REQUIRED ACTION
Each line of the records below that contains "DOOR" needs to be copied.

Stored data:
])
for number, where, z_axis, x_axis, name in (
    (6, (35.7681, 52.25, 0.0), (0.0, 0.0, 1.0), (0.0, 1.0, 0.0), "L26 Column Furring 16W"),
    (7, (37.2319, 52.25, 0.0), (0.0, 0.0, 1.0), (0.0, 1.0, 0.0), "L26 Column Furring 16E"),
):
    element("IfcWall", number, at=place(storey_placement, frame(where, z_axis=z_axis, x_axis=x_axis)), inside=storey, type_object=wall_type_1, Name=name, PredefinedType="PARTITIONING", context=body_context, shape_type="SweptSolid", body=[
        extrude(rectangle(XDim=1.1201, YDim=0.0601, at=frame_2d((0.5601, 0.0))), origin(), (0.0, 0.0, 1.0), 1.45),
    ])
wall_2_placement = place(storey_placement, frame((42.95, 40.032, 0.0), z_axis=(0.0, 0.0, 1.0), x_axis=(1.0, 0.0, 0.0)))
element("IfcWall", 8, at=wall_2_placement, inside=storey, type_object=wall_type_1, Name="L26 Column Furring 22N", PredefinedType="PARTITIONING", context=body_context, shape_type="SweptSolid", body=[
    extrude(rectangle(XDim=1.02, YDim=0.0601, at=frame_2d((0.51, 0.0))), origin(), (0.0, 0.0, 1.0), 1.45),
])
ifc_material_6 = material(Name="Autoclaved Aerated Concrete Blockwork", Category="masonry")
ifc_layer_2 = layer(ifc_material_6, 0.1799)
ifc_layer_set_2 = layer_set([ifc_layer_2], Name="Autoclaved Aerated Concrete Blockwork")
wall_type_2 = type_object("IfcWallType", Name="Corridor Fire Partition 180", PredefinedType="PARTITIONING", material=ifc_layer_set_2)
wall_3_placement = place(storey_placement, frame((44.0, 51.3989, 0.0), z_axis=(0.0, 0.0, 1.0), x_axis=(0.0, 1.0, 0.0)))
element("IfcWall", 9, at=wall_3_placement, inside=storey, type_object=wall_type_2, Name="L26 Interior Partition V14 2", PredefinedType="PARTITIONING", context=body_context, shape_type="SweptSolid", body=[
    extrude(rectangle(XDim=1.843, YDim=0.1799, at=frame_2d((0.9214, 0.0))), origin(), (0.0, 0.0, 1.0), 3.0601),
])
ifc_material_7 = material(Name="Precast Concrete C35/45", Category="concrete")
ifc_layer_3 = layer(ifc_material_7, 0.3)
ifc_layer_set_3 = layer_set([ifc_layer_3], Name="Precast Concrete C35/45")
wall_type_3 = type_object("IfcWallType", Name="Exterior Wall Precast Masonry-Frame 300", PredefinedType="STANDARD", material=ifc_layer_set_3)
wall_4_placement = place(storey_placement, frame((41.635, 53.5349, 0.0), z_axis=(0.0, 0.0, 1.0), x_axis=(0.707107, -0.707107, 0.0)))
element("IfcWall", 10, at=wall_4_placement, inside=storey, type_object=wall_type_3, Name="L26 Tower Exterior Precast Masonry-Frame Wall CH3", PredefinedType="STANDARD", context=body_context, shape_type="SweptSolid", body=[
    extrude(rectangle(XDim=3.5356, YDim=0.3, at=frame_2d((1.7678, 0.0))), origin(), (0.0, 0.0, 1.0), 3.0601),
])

==

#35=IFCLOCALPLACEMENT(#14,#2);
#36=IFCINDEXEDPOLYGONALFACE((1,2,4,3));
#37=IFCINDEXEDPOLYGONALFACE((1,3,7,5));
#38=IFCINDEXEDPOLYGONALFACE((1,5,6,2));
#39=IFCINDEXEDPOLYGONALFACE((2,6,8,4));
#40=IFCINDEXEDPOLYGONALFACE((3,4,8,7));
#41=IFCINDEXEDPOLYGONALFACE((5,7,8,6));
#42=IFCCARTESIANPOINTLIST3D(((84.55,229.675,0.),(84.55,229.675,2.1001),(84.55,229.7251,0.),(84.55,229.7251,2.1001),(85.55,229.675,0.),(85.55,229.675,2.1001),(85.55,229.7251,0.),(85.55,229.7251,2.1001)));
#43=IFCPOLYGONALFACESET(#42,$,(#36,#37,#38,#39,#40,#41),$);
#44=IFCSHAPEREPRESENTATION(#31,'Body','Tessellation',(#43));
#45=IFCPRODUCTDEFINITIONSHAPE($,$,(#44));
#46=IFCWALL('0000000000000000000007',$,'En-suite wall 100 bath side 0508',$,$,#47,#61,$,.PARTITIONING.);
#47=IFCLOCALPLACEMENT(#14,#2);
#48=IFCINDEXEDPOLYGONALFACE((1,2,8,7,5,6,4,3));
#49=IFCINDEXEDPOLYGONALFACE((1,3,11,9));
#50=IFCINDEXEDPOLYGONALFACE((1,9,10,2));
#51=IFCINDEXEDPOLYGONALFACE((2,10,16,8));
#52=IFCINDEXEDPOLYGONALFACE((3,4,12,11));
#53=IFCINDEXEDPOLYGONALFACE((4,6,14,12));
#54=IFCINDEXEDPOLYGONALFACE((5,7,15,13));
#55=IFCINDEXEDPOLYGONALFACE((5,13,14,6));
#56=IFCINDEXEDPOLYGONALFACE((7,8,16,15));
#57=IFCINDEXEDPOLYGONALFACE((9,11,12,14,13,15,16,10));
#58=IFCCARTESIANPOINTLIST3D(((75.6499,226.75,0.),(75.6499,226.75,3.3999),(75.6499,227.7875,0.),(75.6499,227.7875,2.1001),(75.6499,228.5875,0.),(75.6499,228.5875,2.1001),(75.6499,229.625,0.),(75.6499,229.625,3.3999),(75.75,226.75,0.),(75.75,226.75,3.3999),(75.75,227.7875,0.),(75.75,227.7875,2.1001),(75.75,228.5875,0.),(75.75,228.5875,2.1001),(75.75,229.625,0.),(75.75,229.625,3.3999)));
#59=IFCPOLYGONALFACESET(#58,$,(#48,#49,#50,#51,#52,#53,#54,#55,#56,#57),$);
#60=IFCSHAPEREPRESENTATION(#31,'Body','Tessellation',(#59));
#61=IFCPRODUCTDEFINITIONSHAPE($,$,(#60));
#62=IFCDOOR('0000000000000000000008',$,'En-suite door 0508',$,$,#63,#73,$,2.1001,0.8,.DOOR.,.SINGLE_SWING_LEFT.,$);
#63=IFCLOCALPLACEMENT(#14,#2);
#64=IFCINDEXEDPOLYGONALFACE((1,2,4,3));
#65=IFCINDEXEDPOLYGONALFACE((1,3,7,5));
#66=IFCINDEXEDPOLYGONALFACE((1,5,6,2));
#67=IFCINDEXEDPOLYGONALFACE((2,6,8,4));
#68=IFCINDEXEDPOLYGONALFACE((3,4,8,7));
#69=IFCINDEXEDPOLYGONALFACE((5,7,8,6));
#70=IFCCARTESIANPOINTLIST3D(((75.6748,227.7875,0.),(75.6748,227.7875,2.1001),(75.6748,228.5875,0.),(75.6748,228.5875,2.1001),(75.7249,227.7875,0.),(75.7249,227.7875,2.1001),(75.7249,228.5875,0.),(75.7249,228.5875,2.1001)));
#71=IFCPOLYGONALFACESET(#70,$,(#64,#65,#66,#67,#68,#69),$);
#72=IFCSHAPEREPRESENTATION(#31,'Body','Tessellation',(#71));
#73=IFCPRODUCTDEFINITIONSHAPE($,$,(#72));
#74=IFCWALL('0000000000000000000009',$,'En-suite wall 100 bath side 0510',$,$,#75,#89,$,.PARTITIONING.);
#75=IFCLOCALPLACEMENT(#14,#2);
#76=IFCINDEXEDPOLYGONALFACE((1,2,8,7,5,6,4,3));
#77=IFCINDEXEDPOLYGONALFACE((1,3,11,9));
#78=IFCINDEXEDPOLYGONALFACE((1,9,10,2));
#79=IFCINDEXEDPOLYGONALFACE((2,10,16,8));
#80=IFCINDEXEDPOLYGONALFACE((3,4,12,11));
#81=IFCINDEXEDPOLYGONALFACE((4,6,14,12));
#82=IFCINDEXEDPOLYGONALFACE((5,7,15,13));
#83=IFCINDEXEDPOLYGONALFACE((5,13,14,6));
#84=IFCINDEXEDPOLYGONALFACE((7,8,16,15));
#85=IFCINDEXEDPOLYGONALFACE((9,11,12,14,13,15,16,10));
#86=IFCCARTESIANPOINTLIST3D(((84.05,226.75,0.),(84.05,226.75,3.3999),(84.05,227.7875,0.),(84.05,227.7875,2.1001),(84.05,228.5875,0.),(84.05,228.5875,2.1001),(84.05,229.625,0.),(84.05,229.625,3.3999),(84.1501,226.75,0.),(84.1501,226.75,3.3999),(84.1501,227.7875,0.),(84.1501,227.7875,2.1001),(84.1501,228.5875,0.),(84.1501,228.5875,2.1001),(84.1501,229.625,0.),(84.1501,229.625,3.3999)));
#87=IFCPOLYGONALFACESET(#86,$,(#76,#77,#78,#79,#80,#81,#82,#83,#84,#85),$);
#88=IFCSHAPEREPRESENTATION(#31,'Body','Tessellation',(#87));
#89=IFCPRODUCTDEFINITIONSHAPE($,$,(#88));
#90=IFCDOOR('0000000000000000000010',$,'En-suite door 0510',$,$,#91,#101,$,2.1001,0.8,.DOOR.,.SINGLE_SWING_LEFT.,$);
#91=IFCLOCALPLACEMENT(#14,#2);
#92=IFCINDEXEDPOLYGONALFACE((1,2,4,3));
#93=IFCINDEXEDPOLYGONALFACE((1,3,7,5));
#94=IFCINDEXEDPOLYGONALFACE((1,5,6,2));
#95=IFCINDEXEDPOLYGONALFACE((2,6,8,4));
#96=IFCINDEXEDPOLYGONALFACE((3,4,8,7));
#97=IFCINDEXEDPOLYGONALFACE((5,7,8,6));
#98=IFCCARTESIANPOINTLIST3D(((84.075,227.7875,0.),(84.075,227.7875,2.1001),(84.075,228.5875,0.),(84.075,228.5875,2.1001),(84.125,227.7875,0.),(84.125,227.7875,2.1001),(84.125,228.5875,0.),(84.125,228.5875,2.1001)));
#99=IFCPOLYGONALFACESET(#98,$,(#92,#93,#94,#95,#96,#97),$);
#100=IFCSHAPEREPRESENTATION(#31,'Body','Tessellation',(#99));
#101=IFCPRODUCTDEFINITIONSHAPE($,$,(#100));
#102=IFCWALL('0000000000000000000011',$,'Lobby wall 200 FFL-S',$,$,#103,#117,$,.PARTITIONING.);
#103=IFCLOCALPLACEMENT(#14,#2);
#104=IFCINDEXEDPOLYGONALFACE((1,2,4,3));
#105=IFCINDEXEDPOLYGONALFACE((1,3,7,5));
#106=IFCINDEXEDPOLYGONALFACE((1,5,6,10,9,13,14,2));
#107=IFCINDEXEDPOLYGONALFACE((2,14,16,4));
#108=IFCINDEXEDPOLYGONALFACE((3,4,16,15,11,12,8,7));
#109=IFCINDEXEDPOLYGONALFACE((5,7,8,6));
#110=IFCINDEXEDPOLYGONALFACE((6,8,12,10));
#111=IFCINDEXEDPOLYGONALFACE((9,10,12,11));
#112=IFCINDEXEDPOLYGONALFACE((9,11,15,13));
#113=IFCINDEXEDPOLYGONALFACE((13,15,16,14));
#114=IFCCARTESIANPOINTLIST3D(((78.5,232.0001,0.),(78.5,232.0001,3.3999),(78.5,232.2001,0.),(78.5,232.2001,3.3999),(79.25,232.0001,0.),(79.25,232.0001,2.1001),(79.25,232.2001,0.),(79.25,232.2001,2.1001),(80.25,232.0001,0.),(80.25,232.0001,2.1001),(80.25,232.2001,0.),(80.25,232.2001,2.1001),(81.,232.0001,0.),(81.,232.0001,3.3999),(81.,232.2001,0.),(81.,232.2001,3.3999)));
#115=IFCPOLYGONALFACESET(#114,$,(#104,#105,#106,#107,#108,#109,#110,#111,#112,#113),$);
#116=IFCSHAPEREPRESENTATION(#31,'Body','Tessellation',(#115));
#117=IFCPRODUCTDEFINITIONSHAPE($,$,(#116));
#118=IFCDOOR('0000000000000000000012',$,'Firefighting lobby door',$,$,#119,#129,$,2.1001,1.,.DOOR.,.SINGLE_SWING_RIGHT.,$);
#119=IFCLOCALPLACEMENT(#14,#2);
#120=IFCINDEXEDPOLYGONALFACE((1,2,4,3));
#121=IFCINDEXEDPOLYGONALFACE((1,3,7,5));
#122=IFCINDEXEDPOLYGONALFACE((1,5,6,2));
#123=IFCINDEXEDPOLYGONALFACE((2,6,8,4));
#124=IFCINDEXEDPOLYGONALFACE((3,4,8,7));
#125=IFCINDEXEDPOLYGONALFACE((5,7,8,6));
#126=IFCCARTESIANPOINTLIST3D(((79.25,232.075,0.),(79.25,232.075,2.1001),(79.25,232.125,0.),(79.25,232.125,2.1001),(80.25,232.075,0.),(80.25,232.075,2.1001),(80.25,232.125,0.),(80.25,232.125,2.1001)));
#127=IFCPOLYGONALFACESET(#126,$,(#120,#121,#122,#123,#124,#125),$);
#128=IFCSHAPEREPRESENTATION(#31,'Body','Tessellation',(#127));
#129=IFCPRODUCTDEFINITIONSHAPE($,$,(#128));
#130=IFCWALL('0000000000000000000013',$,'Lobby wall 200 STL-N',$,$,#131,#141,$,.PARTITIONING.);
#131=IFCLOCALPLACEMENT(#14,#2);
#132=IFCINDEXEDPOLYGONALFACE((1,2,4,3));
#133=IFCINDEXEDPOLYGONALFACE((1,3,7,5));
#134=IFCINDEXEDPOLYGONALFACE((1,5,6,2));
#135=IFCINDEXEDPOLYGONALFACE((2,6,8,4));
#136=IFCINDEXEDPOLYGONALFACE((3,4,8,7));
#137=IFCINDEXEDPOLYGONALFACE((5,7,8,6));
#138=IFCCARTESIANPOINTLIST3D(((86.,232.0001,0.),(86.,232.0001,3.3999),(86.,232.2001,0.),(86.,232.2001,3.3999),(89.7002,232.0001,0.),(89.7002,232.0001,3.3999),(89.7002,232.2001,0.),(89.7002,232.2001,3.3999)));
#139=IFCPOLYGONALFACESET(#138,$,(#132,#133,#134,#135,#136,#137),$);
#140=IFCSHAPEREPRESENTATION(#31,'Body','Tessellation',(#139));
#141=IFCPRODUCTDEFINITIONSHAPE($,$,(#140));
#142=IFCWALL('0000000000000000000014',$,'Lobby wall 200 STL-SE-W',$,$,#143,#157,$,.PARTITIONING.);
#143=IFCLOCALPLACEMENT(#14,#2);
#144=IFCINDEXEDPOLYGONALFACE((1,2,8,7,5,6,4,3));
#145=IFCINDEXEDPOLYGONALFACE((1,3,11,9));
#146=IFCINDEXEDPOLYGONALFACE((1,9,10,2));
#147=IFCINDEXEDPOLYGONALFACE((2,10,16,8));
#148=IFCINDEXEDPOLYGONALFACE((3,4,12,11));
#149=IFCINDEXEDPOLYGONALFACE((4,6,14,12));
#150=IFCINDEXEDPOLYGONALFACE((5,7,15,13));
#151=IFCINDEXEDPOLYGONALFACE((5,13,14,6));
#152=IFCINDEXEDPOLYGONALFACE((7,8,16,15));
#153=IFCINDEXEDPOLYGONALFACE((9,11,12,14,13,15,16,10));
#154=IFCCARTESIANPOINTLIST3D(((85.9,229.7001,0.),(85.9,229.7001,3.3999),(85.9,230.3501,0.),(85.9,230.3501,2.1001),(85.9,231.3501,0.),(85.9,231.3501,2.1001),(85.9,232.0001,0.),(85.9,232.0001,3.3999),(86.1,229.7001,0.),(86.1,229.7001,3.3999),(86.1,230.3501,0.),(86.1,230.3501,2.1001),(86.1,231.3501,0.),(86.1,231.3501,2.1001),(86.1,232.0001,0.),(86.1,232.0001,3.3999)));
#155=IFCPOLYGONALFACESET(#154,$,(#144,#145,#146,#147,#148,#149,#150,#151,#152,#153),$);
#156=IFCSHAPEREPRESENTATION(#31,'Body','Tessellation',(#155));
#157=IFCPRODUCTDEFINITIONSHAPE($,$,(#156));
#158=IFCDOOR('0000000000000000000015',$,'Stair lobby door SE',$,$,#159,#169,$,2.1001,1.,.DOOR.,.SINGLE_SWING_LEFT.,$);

WRITTEN ANSWER
#62=IFCDOOR('0000000000000000000008',$,'En-suite door 0508',$,$,#63,#73,$,2.1001,0.8,.DOOR.,.SINGLE_SWING_LEFT.,$);
#90=IFCDOOR('0000000000000000000010',$,'En-suite door 0510',$,$,#91,#101,$,2.1001,0.8,.DOOR.,.SINGLE_SWING_LEFT.,$);
#118=IFCDOOR('0000000000000000000012',$,'Firefighting lobby door',$,$,#119,#129,$,2.1001,1.,.DOOR.,.SINGLE_SWING_RIGHT.,$);
#158=IFCDOOR('0000000000000000000015',$,'Stair lobby door SE',$,$,#159,#169,$,2.1001,1.,.DOOR.,.SINGLE_SWING_LEFT.,$);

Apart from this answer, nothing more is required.